Records from a collection:
========
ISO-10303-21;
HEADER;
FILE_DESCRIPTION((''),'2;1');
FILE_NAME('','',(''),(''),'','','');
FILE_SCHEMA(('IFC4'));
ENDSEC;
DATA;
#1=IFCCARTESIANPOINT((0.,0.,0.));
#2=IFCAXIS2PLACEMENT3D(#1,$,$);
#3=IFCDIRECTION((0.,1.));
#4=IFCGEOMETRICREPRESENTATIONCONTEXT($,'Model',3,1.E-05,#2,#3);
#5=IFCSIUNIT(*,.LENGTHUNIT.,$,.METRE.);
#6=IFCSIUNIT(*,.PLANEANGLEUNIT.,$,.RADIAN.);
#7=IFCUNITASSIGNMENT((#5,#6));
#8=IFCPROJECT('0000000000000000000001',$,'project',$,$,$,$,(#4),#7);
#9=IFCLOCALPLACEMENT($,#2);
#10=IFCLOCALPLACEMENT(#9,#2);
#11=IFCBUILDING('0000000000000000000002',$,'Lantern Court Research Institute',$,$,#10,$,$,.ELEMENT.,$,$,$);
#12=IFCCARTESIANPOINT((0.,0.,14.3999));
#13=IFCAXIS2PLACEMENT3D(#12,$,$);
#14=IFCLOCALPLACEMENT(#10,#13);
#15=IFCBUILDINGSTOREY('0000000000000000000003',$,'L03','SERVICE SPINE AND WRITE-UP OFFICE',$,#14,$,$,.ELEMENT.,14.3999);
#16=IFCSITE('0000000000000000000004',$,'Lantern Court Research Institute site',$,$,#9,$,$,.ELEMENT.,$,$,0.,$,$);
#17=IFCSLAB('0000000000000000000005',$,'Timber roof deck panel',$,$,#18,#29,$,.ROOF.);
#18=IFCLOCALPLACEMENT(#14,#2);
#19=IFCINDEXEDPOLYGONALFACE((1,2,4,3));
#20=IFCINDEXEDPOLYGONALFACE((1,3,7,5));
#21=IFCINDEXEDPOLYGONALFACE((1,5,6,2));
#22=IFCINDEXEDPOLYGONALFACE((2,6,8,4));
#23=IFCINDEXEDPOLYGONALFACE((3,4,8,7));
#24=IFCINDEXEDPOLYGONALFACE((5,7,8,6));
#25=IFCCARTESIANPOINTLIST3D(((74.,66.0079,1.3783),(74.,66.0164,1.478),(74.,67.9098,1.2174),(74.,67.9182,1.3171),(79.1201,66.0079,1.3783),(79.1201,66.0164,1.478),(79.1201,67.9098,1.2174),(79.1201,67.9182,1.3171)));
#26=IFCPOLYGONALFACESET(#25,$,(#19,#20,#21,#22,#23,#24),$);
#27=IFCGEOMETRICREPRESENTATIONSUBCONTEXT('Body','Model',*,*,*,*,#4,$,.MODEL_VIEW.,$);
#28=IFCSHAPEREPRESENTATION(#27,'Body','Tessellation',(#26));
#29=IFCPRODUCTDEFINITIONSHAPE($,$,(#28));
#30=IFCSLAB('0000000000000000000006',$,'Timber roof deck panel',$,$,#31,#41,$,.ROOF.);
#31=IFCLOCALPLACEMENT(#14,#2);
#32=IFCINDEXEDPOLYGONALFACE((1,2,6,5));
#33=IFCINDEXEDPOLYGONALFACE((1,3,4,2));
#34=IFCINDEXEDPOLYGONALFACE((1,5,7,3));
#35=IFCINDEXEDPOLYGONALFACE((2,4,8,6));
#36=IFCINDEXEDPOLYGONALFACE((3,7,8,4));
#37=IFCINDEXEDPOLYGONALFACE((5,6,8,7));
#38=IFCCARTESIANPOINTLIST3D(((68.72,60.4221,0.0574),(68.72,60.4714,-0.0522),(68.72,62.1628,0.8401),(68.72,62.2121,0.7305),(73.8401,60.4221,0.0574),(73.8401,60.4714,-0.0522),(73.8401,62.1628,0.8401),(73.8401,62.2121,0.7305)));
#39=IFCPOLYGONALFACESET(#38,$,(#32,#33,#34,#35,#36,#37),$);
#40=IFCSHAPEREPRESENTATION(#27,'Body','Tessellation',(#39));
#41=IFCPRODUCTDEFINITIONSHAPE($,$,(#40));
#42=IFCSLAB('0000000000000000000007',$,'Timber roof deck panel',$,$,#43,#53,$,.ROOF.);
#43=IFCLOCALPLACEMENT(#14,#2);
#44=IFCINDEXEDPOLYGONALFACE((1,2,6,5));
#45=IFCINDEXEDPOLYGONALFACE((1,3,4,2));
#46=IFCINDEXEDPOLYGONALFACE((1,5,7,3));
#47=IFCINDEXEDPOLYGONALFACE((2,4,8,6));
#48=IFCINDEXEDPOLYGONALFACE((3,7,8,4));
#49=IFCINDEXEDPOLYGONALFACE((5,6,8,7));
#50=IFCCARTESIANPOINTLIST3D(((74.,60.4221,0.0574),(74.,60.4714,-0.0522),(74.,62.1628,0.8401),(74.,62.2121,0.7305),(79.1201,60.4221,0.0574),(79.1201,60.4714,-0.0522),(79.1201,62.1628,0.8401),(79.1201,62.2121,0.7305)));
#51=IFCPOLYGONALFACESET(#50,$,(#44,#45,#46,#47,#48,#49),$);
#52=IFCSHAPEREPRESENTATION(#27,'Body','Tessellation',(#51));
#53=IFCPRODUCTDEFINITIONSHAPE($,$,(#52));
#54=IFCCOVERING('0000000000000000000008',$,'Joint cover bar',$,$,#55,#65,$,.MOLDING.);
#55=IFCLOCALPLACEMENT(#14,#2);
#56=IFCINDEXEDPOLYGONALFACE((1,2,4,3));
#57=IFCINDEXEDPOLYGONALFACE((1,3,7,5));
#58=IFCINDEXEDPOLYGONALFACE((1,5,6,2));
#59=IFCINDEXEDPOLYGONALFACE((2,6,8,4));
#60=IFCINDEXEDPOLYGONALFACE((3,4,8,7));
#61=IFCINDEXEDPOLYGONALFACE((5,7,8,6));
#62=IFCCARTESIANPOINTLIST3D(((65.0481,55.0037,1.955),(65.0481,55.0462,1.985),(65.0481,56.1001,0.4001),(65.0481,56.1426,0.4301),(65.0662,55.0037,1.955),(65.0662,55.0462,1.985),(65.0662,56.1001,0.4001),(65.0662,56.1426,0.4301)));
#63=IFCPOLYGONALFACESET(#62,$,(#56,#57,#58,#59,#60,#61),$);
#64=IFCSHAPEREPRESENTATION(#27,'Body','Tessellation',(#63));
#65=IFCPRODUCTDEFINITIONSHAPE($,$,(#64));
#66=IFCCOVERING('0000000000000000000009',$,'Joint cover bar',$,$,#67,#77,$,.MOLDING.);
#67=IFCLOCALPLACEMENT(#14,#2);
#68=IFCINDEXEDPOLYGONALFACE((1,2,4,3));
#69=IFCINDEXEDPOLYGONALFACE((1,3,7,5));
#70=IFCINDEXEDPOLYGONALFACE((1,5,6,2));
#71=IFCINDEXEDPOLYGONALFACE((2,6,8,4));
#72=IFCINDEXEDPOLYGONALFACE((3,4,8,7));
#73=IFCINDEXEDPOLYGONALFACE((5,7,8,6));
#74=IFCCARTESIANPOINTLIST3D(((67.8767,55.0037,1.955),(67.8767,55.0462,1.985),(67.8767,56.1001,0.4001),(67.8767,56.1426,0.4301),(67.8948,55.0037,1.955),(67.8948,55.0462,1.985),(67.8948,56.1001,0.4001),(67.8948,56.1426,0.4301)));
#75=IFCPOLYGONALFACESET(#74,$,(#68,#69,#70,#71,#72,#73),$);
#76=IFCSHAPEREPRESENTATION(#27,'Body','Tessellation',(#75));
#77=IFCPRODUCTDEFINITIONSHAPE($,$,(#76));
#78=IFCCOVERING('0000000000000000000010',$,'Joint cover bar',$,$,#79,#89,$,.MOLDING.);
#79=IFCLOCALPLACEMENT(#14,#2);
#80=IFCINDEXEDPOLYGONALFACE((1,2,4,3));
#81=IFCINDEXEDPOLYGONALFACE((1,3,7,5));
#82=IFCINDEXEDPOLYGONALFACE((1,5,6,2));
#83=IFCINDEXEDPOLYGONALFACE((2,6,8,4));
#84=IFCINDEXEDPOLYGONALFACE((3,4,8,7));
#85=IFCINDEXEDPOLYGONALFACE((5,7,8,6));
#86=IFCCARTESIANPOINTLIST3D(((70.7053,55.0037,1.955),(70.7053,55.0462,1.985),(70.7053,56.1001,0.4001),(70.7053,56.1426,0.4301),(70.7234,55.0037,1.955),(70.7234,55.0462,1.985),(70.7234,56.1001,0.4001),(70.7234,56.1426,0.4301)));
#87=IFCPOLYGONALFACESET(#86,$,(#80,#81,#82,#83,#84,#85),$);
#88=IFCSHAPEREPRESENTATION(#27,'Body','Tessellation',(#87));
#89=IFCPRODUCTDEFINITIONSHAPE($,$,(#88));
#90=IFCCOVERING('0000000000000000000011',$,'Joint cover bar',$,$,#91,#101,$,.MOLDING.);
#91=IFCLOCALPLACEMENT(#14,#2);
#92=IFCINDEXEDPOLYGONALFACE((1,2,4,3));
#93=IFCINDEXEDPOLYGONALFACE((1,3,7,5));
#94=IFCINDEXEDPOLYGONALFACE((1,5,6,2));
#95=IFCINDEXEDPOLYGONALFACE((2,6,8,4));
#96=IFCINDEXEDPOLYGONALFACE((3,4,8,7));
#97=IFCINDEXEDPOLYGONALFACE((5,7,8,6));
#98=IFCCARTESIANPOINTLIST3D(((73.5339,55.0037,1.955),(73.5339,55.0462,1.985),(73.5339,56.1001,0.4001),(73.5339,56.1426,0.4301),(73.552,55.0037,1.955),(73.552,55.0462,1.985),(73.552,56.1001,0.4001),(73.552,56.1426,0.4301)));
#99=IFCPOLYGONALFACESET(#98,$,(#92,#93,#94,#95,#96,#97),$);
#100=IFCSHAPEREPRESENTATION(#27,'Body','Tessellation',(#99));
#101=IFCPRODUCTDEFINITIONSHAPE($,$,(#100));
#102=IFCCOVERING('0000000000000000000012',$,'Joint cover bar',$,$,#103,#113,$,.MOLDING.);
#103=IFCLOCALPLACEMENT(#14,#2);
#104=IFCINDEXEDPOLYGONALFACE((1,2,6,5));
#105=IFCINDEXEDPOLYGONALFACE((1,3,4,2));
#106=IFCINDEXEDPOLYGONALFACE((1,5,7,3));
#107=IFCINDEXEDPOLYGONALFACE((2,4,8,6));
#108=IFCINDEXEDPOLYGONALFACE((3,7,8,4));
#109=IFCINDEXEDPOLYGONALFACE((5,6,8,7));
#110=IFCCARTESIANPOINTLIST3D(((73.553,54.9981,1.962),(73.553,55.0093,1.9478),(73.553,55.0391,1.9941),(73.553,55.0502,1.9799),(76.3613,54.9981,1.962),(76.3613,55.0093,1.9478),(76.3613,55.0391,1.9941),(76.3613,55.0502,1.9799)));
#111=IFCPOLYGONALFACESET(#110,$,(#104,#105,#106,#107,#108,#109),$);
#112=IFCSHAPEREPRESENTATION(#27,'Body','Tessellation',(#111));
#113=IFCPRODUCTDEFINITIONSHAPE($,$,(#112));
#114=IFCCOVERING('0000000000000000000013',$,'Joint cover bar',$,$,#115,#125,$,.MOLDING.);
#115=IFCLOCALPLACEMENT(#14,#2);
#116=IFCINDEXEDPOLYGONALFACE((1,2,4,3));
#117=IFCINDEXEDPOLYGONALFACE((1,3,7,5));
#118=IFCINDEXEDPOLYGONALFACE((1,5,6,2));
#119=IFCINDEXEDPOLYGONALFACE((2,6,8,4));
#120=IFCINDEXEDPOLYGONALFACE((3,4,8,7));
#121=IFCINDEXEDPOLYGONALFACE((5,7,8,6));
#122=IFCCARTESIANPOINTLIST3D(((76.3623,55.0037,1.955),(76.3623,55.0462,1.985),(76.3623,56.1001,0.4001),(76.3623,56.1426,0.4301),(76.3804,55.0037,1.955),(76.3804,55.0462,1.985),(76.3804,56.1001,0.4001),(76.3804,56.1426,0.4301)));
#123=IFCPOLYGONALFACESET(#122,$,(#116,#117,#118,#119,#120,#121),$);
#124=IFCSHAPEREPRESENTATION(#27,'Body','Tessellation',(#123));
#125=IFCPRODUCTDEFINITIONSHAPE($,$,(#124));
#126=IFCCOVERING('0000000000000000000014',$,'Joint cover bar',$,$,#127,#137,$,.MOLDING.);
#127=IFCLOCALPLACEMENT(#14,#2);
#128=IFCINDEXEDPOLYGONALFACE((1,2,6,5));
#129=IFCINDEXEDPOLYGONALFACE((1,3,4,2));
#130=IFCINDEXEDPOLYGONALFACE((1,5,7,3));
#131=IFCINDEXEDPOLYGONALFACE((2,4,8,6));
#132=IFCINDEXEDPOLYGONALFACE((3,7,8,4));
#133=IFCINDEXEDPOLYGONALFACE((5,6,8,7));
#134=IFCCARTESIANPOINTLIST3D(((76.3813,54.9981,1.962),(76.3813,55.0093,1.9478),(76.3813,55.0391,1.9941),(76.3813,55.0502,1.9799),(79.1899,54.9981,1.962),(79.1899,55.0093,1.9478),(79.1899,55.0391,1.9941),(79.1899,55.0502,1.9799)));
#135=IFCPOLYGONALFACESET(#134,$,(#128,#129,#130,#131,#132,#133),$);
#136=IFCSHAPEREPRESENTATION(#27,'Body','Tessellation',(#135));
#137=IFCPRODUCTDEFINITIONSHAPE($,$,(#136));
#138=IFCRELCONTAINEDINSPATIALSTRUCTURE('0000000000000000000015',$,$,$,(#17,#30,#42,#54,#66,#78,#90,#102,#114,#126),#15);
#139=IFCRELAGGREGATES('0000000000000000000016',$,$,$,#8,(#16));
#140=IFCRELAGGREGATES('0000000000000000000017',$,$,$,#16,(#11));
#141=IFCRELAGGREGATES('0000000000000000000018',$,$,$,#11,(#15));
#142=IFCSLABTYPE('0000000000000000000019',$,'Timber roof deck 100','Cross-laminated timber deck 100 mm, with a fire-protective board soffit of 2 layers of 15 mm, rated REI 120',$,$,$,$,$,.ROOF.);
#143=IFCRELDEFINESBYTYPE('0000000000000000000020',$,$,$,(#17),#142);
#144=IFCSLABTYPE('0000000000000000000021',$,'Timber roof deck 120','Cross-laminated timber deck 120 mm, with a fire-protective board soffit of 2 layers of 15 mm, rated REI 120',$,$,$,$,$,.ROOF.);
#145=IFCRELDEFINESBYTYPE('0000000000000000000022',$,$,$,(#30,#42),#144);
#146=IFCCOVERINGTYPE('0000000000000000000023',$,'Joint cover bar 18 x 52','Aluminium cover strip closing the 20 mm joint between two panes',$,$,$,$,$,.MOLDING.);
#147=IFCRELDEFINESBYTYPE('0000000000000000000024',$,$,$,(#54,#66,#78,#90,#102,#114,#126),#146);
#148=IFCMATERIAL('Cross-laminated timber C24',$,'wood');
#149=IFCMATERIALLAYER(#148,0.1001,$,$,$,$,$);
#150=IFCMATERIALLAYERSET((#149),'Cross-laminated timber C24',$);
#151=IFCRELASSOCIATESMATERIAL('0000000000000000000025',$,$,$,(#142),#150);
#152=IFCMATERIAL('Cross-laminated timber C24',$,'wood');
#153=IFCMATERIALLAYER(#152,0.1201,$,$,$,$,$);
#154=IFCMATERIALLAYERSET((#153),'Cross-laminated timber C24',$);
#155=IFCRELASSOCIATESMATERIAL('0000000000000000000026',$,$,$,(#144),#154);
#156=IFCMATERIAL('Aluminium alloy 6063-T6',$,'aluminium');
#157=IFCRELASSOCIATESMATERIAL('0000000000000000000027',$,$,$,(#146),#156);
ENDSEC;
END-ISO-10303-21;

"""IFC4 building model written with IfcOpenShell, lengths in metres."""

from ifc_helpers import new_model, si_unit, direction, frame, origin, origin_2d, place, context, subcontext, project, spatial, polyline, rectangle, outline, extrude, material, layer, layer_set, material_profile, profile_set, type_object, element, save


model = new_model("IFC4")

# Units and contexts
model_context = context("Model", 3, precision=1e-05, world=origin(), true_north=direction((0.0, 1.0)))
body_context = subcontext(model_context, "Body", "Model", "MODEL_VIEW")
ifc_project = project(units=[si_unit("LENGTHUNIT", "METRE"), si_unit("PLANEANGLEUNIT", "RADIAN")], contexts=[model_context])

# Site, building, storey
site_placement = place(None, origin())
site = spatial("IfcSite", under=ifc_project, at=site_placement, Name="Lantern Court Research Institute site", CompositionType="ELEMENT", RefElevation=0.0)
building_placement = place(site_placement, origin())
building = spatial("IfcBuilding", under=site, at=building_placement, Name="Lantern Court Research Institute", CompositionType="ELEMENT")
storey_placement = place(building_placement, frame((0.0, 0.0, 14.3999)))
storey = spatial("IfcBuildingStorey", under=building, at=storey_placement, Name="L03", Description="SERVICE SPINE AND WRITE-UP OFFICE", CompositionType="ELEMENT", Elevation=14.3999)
========
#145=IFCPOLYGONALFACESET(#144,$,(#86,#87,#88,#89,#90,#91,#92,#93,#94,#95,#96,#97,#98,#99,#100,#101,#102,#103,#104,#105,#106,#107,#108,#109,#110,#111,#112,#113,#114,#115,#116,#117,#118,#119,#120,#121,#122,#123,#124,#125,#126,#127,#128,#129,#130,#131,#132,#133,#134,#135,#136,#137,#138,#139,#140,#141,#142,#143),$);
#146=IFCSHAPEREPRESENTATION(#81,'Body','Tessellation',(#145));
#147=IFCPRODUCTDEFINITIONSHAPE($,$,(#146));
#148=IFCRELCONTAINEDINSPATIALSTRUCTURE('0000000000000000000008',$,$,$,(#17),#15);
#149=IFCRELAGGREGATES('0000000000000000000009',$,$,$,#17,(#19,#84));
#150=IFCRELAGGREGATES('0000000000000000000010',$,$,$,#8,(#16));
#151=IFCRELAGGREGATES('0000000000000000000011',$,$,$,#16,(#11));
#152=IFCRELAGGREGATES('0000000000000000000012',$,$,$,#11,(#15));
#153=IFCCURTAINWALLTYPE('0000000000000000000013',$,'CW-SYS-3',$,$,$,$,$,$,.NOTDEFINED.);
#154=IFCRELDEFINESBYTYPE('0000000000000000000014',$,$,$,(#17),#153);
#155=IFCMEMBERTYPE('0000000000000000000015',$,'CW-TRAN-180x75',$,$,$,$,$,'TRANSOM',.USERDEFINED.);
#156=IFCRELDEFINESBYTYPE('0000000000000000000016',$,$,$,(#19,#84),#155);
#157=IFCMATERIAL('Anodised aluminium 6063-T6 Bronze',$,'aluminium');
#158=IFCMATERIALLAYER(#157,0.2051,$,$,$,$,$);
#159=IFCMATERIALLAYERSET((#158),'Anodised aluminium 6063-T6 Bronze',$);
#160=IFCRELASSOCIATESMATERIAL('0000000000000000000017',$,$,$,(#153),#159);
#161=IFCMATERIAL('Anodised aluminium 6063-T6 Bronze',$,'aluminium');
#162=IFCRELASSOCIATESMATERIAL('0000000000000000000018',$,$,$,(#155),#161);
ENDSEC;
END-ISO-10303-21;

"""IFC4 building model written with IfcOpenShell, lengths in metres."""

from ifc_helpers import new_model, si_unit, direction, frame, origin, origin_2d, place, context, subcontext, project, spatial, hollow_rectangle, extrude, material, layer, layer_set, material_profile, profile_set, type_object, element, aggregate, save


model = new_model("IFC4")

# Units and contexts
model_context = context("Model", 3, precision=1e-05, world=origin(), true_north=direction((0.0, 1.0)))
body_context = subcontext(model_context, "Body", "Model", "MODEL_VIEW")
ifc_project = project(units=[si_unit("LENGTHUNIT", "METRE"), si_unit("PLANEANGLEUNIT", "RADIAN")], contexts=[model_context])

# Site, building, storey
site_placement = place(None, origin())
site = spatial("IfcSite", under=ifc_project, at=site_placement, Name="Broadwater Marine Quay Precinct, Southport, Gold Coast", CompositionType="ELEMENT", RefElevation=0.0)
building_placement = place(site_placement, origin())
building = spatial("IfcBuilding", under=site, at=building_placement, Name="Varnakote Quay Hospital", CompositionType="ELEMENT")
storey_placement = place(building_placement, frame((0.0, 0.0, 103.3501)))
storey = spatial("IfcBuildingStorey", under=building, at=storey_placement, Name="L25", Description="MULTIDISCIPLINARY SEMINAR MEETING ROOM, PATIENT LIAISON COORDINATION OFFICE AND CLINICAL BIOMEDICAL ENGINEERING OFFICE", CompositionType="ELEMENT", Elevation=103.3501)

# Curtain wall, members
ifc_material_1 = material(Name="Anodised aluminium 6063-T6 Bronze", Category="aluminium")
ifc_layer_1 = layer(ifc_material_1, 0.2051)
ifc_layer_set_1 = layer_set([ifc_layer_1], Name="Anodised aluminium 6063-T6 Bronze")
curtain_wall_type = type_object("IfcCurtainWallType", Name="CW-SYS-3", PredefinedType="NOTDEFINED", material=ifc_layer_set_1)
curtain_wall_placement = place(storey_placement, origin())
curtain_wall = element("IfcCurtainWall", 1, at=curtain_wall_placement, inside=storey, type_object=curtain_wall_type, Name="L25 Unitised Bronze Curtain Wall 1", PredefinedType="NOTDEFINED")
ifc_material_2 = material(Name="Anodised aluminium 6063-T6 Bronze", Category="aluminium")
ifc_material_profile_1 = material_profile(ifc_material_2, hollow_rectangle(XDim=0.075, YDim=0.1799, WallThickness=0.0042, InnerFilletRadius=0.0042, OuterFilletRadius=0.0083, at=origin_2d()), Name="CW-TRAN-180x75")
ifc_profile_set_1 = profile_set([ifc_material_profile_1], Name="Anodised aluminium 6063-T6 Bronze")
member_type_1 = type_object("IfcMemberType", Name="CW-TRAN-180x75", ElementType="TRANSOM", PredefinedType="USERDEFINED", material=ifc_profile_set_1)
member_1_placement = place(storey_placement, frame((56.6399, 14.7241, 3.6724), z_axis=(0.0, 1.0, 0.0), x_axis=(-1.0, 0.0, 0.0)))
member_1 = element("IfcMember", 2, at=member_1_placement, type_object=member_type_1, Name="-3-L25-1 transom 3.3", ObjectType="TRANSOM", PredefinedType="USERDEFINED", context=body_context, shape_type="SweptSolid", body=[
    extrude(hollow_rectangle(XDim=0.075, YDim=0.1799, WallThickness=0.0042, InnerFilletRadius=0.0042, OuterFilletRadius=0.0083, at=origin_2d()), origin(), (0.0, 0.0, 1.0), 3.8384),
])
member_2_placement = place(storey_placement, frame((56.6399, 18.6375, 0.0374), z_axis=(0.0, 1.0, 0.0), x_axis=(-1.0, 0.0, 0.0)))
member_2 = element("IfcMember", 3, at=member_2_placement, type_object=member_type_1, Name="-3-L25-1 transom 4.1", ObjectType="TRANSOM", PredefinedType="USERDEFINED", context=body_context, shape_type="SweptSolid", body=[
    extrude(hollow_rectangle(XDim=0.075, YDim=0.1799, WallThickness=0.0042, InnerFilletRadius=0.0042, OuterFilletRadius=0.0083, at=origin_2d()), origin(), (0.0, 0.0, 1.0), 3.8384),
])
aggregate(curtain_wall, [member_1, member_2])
========
YOUR OBJECTIVE - Tally the lines above that hold "IFCRELCONTAINEDINSPATIALSTRUCTURE" and write the result as a lone number.

EXERCISE RESULT - 2